- **Problem to work on**
Output the data word for word. Begin at its first line and end at the line with "#168=IFCRELAGGREGATES('0000000000000000000018',$,$,$,#16,(#11));".

[Exercise material Boundary: Start]

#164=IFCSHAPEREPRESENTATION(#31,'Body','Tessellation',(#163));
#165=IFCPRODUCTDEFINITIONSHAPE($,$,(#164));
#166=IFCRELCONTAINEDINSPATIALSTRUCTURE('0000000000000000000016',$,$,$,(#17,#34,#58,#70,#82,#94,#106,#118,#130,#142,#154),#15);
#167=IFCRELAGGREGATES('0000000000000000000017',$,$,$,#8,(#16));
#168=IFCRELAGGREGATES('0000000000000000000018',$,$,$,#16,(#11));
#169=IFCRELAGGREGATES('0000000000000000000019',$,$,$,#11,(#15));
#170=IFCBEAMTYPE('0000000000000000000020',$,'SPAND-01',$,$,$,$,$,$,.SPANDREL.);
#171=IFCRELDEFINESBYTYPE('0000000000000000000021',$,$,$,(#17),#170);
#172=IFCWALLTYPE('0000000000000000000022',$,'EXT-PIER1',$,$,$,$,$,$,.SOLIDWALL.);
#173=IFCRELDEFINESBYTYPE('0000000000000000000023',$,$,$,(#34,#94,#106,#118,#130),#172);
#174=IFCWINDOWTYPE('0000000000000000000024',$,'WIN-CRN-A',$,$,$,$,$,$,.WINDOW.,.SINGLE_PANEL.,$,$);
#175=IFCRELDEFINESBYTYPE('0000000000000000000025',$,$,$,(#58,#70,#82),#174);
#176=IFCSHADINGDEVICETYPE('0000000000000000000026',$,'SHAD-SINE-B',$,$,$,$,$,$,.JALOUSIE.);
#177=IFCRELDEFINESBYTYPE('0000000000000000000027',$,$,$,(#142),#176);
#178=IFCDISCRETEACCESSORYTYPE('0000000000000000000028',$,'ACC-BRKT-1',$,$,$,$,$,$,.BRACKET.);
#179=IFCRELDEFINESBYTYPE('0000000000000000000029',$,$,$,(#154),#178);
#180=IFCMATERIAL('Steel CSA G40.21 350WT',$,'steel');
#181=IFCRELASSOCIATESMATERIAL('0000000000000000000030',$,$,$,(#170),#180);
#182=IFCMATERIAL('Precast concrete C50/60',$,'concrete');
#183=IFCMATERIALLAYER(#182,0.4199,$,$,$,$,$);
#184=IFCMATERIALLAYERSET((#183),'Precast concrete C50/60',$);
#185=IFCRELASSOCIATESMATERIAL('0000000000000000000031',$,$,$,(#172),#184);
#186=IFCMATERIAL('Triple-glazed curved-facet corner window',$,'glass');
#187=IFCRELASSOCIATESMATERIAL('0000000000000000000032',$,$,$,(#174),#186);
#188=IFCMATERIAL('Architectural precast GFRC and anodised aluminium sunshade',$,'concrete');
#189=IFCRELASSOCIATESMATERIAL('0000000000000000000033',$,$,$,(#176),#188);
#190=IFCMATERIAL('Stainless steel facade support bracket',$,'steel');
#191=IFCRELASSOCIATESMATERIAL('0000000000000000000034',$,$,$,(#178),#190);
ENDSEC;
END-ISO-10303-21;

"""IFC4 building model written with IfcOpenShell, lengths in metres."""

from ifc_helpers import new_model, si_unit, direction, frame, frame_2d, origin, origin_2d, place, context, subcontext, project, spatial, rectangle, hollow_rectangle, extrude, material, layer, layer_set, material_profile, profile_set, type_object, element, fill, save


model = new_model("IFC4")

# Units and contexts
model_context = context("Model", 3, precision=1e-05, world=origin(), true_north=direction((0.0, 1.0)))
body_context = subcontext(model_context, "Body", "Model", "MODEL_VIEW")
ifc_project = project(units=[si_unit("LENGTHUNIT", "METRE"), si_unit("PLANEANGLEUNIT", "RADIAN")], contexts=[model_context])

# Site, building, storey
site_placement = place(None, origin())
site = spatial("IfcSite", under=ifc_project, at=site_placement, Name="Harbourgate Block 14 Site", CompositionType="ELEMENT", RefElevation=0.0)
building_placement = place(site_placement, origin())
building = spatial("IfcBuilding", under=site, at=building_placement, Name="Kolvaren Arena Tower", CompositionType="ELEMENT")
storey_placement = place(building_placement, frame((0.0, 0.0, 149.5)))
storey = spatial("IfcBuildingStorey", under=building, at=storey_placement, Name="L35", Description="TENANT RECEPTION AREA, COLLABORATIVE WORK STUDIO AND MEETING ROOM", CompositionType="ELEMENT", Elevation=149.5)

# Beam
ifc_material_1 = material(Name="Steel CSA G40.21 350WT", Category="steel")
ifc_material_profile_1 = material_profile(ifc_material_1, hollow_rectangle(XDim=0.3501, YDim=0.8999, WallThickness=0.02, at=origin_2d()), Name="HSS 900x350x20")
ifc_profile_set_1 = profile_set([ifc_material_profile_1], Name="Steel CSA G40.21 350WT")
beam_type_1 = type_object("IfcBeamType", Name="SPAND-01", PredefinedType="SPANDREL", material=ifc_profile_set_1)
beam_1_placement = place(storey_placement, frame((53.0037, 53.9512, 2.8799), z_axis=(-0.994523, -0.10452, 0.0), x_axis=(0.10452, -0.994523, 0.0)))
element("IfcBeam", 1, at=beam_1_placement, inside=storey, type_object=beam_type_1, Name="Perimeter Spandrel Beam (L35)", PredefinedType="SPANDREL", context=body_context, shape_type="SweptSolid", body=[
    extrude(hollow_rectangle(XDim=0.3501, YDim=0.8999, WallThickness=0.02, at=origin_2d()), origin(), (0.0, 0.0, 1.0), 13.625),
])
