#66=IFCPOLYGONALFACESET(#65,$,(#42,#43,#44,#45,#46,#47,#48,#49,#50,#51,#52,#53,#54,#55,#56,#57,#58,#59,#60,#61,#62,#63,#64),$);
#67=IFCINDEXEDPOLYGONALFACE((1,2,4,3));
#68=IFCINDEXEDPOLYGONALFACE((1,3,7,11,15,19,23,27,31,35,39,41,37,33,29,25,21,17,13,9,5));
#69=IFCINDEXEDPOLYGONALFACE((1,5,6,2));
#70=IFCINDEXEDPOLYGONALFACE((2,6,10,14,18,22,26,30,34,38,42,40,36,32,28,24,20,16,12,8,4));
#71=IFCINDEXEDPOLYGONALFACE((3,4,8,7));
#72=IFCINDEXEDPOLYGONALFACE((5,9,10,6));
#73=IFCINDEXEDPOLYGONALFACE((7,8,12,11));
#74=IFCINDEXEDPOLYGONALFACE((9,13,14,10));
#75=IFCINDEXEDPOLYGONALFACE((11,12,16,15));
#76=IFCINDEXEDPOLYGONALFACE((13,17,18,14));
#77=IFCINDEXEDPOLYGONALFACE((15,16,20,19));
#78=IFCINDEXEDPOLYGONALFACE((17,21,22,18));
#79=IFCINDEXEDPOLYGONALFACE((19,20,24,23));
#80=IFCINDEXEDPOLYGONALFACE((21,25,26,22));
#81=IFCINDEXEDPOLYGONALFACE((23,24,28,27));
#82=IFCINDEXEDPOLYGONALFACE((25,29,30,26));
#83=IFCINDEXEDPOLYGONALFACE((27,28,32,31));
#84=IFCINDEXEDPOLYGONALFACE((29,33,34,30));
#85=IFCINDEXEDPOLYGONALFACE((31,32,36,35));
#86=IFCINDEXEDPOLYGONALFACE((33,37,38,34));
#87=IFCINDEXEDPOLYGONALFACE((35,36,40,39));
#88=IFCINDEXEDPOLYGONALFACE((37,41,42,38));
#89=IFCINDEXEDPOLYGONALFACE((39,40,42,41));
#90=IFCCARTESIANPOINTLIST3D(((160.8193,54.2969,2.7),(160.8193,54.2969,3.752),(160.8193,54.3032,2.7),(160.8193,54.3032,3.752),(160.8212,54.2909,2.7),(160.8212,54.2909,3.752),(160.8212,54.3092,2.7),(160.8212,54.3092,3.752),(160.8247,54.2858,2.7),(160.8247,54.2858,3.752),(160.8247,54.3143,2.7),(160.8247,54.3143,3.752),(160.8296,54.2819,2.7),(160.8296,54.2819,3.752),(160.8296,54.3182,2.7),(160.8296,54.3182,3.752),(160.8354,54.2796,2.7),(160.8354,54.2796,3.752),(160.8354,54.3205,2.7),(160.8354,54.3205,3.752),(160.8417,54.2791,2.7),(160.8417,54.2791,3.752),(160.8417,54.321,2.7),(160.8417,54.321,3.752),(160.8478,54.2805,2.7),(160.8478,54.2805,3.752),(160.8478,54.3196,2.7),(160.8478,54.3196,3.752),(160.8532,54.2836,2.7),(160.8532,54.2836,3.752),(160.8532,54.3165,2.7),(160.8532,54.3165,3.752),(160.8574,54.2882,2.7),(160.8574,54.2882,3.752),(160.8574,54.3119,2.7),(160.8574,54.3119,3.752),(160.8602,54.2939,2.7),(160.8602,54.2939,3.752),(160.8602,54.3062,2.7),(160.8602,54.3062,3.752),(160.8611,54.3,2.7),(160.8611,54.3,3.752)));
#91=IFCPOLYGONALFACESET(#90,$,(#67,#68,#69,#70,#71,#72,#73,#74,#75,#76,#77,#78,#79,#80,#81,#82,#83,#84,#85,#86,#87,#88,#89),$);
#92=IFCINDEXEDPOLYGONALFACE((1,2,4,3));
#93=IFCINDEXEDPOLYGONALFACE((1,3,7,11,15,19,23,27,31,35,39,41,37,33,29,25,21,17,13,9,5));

[Exercise material Boundary: End]

- **Task answer**
#164=IFCSHAPEREPRESENTATION(#31,'Body','Tessellation',(#163));
#165=IFCPRODUCTDEFINITIONSHAPE($,$,(#164));
#166=IFCRELCONTAINEDINSPATIALSTRUCTURE('0000000000000000000016',$,$,$,(#17,#34,#58,#70,#82,#94,#106,#118,#130,#142,#154),#15);
#167=IFCRELAGGREGATES('0000000000000000000017',$,$,$,#8,(#16));
#168=IFCRELAGGREGATES('0000000000000000000018',$,$,$,#16,(#11));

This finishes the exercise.